→ **MATERIAL PROVIDED**
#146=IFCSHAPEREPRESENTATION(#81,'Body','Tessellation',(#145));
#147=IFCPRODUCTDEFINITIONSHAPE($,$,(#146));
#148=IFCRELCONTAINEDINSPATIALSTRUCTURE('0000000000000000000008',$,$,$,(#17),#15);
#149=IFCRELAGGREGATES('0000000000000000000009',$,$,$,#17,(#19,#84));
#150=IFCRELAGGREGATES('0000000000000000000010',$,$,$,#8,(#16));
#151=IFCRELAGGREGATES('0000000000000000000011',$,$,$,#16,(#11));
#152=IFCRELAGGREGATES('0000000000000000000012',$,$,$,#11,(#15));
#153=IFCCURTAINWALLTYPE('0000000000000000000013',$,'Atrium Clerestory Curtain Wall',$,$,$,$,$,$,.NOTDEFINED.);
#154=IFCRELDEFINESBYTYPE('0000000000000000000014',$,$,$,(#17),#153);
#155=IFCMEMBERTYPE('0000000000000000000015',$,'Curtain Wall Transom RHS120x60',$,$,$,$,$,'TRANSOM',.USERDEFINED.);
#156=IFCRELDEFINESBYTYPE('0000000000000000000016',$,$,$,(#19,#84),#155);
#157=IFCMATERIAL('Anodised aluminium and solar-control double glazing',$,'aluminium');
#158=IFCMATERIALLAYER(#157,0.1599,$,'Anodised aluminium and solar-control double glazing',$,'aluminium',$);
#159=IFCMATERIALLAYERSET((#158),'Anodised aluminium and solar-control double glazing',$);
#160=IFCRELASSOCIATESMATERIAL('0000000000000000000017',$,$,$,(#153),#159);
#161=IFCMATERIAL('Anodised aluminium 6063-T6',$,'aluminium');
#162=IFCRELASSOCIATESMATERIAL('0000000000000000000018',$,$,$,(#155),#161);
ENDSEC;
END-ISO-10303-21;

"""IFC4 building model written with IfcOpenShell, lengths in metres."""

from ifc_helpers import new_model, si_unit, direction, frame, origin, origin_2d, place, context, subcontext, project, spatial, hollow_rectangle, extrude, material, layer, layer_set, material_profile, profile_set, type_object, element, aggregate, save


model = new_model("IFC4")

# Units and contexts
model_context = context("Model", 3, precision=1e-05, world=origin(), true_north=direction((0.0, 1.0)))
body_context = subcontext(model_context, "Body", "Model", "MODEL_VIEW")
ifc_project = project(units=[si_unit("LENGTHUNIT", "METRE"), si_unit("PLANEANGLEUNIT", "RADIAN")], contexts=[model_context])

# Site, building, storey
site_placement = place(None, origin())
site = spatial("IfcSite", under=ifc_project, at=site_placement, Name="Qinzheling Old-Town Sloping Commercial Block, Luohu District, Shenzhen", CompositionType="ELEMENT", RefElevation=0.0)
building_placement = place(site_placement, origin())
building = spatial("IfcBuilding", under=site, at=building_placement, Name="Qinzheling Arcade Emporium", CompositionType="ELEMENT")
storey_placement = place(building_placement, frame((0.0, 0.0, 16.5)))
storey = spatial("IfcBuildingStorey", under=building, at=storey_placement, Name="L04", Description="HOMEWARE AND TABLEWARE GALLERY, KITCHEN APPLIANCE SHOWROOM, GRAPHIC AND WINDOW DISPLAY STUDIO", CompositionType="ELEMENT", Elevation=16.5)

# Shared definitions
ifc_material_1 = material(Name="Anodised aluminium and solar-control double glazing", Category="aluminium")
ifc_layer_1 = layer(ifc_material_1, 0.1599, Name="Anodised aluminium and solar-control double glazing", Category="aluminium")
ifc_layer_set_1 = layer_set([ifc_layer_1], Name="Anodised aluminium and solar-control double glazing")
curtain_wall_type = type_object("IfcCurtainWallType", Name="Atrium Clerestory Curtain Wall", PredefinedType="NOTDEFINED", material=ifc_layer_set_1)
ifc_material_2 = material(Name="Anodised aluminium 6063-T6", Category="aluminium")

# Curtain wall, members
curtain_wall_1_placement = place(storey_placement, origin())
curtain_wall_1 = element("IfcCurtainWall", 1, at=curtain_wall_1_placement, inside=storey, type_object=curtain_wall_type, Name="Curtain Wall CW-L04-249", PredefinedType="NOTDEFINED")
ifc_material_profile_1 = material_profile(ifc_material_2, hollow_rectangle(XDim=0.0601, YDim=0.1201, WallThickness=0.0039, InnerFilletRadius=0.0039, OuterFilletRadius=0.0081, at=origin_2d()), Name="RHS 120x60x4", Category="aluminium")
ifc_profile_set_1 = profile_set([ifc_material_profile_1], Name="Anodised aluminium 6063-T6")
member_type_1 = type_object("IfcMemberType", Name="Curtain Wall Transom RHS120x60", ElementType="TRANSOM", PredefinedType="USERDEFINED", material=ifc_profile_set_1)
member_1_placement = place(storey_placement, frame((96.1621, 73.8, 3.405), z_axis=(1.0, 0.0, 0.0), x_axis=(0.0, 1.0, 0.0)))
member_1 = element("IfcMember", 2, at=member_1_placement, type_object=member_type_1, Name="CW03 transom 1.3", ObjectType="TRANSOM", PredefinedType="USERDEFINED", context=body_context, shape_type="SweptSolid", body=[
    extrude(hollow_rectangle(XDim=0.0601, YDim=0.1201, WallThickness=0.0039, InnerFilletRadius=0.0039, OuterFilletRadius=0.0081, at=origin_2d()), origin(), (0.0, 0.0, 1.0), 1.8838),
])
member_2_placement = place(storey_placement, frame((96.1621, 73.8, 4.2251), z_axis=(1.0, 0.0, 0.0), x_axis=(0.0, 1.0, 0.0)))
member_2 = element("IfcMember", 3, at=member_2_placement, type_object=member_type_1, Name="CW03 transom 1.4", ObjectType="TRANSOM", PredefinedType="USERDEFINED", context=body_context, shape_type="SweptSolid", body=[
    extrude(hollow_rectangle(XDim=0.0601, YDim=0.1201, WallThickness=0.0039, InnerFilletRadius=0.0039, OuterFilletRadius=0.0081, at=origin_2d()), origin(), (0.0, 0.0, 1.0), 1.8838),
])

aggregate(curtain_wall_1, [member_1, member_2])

--

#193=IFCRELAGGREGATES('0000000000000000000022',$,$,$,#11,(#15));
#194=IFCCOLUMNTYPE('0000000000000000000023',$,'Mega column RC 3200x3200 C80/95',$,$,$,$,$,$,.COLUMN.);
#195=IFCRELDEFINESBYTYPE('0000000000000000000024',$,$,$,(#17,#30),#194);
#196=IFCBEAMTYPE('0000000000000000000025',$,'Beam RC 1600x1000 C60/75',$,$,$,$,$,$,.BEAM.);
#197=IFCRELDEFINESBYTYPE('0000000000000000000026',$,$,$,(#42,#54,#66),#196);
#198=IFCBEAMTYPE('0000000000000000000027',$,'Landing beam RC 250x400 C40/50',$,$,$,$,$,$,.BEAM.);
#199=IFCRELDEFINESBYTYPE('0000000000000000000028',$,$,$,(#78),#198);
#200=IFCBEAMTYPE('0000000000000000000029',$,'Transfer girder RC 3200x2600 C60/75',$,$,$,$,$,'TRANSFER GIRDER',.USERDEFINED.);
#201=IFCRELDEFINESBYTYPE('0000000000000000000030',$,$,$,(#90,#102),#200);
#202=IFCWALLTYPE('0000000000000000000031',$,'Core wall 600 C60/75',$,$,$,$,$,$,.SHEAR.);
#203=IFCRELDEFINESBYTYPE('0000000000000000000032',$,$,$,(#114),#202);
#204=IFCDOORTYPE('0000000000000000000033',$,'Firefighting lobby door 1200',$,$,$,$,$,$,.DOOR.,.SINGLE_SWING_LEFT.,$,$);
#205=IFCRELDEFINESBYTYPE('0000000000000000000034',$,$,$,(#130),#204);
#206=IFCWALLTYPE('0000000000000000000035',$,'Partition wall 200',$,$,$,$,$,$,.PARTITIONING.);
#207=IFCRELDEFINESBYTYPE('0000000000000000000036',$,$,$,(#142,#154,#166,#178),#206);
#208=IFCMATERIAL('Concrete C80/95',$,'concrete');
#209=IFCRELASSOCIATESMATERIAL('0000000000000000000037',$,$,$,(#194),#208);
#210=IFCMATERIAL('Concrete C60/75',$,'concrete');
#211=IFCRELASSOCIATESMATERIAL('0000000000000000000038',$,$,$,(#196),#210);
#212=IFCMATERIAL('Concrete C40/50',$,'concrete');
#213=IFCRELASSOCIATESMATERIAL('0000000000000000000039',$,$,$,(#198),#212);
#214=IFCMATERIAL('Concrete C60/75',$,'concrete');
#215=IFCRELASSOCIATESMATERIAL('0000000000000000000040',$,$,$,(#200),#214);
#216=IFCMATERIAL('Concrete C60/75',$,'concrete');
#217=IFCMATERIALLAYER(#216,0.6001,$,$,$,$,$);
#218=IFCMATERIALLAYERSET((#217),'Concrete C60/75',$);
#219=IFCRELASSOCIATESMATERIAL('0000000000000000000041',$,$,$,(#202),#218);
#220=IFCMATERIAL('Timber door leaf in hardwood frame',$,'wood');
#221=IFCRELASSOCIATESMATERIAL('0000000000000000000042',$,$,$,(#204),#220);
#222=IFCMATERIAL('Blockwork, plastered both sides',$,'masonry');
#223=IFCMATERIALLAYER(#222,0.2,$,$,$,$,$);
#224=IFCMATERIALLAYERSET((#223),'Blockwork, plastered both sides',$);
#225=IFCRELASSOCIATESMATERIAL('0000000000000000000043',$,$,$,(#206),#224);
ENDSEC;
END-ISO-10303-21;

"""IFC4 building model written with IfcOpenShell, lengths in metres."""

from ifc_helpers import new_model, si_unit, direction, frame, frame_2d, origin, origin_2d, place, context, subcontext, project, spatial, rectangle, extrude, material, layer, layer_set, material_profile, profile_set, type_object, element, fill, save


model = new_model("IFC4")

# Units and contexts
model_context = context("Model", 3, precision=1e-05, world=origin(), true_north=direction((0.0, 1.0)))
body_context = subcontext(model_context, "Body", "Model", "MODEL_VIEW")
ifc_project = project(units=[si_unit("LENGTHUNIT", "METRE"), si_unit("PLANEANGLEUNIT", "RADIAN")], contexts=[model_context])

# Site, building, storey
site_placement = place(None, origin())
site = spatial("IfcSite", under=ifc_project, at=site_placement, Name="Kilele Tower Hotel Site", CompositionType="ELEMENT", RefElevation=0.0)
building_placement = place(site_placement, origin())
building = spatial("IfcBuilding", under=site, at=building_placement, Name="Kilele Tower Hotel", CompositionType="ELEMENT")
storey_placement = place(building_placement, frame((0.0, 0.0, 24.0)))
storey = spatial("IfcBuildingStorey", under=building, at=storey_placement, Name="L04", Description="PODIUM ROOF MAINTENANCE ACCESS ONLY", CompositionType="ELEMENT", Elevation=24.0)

→ **WHAT THE TASK REQUIRES**
Using the listing above, return word for word each line from the one that has "4.2251), z_axis=(1.0, 0.0, 0.0), x_axis=(0.0, 1.0, 0.0)))" through the one that has "aggregate(curtain_wall_1, [member_1, member_2])", and no line outside that range.

→ **ANSWER FOR THE TASK**
member_2_placement = place(storey_placement, frame((96.1621, 73.8, 4.2251), z_axis=(1.0, 0.0, 0.0), x_axis=(0.0, 1.0, 0.0)))
member_2 = element("IfcMember", 3, at=member_2_placement, type_object=member_type_1, Name="CW03 transom 1.4", ObjectType="TRANSOM", PredefinedType="USERDEFINED", context=body_context, shape_type="SweptSolid", body=[
    extrude(hollow_rectangle(XDim=0.0601, YDim=0.1201, WallThickness=0.0039, InnerFilletRadius=0.0039, OuterFilletRadius=0.0081, at=origin_2d()), origin(), (0.0, 0.0, 1.0), 1.8838),
])

aggregate(curtain_wall_1, [member_1, member_2])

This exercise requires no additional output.